Start of Records supplied

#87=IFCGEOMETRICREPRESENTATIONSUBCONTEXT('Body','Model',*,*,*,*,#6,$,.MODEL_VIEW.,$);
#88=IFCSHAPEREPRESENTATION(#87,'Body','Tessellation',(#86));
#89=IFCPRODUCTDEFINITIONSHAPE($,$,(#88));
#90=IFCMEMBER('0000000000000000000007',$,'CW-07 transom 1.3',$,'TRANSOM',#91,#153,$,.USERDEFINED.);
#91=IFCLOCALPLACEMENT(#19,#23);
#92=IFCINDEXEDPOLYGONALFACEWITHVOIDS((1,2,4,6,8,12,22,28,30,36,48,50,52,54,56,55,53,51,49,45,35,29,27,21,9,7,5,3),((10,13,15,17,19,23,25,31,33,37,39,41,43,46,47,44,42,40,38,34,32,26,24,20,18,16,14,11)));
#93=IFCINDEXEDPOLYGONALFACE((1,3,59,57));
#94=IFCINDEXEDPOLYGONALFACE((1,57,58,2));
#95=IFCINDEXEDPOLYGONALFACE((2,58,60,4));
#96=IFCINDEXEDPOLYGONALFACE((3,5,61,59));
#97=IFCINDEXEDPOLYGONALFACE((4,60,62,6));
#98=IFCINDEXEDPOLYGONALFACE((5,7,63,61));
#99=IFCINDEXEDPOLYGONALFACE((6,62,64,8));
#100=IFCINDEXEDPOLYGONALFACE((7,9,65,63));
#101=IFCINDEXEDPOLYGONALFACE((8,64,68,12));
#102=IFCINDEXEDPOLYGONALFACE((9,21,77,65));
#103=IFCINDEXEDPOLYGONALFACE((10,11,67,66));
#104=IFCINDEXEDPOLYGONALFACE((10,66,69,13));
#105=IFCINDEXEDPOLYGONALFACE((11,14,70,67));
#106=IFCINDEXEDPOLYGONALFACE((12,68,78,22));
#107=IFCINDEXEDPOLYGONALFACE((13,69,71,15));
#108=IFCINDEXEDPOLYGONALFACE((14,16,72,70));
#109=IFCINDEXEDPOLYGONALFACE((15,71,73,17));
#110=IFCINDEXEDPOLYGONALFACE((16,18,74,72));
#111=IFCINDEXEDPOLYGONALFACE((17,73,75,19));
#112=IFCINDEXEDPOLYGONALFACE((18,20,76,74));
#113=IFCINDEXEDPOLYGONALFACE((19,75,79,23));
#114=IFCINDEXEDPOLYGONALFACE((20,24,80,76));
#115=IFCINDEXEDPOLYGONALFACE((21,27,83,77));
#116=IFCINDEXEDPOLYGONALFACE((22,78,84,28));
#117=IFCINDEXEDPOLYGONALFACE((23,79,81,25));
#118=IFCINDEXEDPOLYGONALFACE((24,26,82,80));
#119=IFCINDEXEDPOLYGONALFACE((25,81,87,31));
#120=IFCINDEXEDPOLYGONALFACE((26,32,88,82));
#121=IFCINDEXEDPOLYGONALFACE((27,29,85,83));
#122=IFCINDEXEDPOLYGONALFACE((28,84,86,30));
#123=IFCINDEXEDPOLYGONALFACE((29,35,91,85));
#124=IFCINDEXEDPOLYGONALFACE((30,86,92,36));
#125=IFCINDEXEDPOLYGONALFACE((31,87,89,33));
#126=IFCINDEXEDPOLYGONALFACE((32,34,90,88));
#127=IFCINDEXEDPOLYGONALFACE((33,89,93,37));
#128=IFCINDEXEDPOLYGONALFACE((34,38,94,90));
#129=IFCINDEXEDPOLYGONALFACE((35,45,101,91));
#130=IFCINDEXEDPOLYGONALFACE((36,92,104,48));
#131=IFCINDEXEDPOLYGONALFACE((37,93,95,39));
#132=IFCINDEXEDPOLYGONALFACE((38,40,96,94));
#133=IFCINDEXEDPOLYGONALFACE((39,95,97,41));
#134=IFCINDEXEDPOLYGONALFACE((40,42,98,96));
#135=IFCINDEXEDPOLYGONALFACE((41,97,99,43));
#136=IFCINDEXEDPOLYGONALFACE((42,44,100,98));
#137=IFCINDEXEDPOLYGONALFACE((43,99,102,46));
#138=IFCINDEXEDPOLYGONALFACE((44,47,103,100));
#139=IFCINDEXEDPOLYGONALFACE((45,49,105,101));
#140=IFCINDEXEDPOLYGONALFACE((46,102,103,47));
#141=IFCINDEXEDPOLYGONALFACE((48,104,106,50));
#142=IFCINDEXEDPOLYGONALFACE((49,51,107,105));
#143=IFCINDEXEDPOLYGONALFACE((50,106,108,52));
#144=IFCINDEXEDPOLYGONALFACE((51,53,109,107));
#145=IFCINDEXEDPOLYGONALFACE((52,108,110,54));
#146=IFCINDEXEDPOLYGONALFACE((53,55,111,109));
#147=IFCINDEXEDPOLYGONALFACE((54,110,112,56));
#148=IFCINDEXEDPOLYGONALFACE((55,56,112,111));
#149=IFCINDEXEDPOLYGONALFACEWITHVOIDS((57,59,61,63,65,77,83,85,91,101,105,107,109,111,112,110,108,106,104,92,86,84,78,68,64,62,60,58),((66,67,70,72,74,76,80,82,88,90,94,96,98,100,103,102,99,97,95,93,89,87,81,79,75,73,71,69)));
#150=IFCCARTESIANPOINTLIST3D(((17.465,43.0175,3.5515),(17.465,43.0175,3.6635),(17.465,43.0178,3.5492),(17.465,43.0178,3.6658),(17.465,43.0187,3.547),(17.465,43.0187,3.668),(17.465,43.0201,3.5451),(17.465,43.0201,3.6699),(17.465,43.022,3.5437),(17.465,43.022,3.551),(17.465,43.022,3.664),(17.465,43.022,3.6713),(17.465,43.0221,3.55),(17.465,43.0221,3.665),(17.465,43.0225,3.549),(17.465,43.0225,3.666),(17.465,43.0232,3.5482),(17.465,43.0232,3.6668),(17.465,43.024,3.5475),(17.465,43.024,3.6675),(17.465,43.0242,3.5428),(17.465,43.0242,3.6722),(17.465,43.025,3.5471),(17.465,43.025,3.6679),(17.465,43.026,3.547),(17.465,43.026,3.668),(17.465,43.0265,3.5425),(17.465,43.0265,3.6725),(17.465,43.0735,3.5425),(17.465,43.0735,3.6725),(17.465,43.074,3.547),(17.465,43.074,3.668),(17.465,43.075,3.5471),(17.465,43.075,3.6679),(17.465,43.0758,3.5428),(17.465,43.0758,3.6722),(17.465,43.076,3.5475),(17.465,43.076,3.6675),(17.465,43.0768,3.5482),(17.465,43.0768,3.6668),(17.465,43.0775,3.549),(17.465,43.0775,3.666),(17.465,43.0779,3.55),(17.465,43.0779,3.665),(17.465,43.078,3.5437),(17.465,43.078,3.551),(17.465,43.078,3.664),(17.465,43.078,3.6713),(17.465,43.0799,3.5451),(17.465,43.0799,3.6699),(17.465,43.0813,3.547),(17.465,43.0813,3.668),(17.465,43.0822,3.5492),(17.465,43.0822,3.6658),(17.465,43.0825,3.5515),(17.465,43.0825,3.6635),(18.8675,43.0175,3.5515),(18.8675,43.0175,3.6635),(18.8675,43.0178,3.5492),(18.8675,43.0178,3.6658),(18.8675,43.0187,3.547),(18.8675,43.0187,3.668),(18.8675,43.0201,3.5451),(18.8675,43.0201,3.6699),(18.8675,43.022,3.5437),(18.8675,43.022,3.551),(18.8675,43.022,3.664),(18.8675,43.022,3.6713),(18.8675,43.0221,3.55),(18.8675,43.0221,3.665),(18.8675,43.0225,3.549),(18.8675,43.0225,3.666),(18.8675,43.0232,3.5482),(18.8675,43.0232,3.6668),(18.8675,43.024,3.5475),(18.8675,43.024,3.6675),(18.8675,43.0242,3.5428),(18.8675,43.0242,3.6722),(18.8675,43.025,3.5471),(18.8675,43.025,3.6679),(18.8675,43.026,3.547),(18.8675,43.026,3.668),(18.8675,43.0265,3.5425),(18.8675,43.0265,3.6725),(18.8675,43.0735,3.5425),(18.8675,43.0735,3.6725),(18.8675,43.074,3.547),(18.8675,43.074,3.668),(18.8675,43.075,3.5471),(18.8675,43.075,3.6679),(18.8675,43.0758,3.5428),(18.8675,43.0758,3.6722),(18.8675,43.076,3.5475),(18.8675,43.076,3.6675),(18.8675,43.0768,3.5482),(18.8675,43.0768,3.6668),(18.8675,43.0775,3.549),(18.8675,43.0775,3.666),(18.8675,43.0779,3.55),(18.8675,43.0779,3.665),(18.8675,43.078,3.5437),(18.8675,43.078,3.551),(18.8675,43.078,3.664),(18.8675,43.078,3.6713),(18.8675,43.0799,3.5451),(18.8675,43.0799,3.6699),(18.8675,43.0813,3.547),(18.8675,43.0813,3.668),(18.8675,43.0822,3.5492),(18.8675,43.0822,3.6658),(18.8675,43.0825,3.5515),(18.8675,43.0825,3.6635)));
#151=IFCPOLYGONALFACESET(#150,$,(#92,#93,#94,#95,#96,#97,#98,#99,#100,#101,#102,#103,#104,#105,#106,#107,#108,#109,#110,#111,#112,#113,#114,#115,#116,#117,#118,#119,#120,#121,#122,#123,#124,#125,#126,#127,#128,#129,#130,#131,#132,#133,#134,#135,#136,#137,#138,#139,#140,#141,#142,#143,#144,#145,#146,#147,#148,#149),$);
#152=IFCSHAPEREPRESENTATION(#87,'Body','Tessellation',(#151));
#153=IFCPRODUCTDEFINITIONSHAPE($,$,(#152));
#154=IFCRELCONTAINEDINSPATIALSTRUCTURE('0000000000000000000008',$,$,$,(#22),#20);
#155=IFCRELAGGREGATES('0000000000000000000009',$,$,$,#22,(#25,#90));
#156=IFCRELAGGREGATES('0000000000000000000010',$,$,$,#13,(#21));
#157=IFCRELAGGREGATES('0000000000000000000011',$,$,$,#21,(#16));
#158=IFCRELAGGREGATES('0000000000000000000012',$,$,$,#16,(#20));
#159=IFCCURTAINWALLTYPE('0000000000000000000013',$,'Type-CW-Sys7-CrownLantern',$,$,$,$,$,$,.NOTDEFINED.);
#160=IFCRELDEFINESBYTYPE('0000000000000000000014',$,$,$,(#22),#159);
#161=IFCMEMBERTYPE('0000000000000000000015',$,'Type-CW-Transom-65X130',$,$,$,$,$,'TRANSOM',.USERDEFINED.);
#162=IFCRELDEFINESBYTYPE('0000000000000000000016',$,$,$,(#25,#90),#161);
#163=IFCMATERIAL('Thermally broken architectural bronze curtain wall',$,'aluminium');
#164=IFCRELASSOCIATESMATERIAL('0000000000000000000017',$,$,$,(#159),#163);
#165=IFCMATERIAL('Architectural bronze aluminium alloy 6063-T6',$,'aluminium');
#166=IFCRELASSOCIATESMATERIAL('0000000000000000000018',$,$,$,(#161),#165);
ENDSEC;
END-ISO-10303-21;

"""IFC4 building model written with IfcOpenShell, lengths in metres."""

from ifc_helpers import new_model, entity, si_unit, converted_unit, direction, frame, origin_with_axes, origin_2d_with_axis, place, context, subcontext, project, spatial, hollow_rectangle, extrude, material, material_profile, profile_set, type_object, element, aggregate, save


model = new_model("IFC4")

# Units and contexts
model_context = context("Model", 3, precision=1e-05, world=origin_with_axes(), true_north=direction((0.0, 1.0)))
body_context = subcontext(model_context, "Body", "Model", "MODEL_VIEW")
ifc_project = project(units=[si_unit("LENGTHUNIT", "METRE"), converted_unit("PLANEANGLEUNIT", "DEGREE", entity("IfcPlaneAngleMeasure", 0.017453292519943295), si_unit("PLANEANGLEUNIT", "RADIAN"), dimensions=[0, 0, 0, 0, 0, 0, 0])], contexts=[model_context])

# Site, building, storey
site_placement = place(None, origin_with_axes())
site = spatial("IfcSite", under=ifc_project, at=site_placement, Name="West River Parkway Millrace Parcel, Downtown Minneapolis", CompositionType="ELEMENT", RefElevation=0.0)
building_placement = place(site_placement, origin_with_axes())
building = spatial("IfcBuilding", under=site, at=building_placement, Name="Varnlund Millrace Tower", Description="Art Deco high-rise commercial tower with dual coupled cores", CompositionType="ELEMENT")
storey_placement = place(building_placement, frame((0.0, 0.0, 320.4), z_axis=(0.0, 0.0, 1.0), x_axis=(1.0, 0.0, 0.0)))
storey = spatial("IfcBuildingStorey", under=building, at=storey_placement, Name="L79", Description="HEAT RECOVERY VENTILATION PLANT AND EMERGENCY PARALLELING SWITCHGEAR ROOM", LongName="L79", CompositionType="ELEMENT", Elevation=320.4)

End of Records supplied

*Work request*. Please return the lines above that run from the line containing "#125=IFCINDEXEDPOLYGONALFACE((31,87,89,33));" to the line containing "#140=IFCINDEXEDPOLYGONALFACE((46,102,103,47));", inclusive, exactly and with no other lines.

*Output for this task*.
#125=IFCINDEXEDPOLYGONALFACE((31,87,89,33));
#126=IFCINDEXEDPOLYGONALFACE((32,34,90,88));
#127=IFCINDEXEDPOLYGONALFACE((33,89,93,37));
#128=IFCINDEXEDPOLYGONALFACE((34,38,94,90));
#129=IFCINDEXEDPOLYGONALFACE((35,45,101,91));
#130=IFCINDEXEDPOLYGONALFACE((36,92,104,48));
#131=IFCINDEXEDPOLYGONALFACE((37,93,95,39));
#132=IFCINDEXEDPOLYGONALFACE((38,40,96,94));
#133=IFCINDEXEDPOLYGONALFACE((39,95,97,41));
#134=IFCINDEXEDPOLYGONALFACE((40,42,98,96));
#135=IFCINDEXEDPOLYGONALFACE((41,97,99,43));
#136=IFCINDEXEDPOLYGONALFACE((42,44,100,98));
#137=IFCINDEXEDPOLYGONALFACE((43,99,102,46));
#138=IFCINDEXEDPOLYGONALFACE((44,47,103,100));
#139=IFCINDEXEDPOLYGONALFACE((45,49,105,101));
#140=IFCINDEXEDPOLYGONALFACE((46,102,103,47));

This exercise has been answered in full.